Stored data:

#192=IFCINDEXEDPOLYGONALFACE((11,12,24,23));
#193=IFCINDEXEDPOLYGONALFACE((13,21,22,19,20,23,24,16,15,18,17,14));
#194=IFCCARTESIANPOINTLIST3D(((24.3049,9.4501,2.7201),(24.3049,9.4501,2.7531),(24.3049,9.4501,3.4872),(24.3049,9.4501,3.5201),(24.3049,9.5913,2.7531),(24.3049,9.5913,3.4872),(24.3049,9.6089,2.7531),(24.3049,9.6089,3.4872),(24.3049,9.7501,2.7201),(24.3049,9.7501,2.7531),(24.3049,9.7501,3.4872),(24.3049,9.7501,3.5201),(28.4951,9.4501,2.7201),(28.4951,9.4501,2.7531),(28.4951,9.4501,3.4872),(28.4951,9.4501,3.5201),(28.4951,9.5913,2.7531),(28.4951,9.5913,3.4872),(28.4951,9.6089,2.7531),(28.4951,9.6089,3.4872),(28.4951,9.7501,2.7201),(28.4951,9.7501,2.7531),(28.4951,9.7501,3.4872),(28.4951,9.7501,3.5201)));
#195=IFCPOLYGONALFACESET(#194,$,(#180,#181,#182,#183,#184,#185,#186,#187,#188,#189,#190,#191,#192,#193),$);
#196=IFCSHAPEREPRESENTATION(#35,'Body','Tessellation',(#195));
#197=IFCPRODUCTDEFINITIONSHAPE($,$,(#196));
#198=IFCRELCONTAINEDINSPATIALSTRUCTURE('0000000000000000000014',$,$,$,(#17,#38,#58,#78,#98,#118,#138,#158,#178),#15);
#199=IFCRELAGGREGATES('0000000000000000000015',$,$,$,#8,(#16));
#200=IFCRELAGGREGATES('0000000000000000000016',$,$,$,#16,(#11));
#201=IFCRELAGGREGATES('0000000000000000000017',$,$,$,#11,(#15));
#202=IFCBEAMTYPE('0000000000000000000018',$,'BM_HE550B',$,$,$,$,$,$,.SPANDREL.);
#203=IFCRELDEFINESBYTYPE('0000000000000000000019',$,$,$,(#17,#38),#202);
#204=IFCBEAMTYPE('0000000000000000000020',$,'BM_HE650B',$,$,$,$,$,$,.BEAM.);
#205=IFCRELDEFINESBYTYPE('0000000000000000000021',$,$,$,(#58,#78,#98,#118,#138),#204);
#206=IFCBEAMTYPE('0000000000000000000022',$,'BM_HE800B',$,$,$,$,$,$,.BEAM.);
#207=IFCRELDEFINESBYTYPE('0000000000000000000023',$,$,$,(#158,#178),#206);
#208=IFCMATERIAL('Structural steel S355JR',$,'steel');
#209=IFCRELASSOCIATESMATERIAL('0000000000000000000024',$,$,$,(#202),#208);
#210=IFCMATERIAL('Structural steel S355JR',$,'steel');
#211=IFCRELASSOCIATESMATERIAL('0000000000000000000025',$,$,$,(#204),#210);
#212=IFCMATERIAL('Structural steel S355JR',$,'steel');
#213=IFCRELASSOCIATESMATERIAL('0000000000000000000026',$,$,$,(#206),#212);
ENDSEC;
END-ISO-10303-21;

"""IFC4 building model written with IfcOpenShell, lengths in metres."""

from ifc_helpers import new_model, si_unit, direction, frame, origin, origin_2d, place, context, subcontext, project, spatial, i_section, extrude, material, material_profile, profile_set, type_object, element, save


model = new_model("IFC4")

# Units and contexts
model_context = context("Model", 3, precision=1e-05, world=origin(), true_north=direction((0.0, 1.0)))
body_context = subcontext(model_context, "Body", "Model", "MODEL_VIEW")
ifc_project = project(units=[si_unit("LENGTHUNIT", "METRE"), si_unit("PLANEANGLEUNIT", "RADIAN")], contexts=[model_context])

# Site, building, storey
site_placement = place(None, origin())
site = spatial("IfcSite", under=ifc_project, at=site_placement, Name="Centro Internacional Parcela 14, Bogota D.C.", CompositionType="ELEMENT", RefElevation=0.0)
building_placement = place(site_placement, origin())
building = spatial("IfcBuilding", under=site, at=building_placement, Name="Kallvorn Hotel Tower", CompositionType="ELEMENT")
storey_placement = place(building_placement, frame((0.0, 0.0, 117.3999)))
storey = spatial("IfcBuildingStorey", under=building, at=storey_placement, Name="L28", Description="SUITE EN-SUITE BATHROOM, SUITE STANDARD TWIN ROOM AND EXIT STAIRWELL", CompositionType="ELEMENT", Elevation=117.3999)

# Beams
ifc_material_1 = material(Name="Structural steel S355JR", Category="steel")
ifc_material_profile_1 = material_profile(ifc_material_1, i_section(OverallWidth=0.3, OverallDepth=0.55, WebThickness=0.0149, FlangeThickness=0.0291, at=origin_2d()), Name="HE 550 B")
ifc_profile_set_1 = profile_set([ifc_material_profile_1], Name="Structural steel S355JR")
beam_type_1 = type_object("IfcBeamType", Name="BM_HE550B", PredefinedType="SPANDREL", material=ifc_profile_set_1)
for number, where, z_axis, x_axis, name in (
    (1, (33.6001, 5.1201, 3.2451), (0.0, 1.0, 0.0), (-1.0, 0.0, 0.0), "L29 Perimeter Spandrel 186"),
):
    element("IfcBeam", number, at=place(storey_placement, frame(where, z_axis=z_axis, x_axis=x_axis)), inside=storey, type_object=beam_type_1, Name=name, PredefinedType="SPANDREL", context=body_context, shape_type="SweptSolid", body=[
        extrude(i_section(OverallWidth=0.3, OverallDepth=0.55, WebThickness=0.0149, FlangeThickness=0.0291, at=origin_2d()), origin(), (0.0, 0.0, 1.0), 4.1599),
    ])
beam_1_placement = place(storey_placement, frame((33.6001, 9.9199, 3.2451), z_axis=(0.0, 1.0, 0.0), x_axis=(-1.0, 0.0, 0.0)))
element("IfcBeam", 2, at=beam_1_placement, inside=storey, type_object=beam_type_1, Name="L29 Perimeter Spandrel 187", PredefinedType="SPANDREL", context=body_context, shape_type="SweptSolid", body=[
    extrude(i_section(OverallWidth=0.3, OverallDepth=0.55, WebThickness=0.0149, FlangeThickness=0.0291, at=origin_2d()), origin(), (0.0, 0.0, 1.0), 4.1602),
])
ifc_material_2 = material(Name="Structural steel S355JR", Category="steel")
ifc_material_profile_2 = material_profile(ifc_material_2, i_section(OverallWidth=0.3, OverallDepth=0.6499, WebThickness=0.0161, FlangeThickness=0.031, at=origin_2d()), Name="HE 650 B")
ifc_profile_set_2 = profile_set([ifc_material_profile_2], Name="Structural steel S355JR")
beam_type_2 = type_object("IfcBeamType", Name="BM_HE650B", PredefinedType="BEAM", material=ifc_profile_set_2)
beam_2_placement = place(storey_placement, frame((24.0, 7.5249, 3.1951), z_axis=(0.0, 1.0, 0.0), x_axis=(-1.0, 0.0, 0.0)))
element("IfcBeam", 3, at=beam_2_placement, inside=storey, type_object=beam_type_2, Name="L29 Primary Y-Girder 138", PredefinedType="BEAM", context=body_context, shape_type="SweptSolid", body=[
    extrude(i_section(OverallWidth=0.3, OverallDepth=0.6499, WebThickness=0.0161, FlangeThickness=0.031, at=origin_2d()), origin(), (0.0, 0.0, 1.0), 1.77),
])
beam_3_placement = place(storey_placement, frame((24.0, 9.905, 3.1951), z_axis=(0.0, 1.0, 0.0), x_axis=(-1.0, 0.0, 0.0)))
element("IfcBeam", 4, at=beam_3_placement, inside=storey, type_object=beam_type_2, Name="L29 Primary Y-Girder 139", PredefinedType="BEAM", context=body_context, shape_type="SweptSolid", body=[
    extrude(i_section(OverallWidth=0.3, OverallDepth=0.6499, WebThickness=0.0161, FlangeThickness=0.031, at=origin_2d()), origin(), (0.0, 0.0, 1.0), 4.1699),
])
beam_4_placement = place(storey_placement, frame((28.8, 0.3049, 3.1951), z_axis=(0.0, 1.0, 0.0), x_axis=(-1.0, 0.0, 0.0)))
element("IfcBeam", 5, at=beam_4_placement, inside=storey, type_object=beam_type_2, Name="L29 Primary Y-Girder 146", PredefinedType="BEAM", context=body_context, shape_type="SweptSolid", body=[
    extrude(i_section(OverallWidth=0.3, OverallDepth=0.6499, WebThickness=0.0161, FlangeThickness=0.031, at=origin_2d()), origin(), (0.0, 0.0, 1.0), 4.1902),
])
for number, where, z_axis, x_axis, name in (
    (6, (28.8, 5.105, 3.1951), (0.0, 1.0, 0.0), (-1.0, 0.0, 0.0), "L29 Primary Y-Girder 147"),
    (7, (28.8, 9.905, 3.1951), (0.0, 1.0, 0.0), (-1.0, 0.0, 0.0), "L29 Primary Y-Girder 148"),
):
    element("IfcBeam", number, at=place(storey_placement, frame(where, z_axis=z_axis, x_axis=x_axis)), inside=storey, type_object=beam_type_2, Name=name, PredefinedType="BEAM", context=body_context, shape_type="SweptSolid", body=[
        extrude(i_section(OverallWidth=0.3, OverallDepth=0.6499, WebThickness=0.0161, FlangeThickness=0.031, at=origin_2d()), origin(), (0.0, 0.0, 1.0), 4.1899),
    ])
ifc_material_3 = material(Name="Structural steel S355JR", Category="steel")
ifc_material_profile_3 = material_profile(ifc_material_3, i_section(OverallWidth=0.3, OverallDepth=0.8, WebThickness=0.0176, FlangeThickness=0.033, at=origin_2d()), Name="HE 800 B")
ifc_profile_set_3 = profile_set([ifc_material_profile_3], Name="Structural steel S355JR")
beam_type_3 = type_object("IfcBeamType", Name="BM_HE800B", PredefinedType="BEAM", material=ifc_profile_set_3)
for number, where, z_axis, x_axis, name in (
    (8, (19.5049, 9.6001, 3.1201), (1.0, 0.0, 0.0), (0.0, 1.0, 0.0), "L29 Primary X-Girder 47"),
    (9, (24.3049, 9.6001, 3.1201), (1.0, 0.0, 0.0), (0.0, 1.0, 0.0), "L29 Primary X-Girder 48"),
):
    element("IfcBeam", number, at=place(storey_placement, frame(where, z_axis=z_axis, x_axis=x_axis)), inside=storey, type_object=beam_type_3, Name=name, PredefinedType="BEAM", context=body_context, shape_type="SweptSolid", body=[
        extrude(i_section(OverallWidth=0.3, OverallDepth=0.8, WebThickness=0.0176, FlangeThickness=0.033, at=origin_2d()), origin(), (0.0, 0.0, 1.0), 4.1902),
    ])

_Problem details:_
For each line of the entries that contains the word "direction", make a copy.

_Solution:_
from ifc_helpers import new_model, si_unit, direction, frame, origin, origin_2d, place, context, subcontext, project, spatial, i_section, extrude, material, material_profile, profile_set, type_object, element, save
model_context = context("Model", 3, precision=1e-05, world=origin(), true_north=direction((0.0, 1.0)))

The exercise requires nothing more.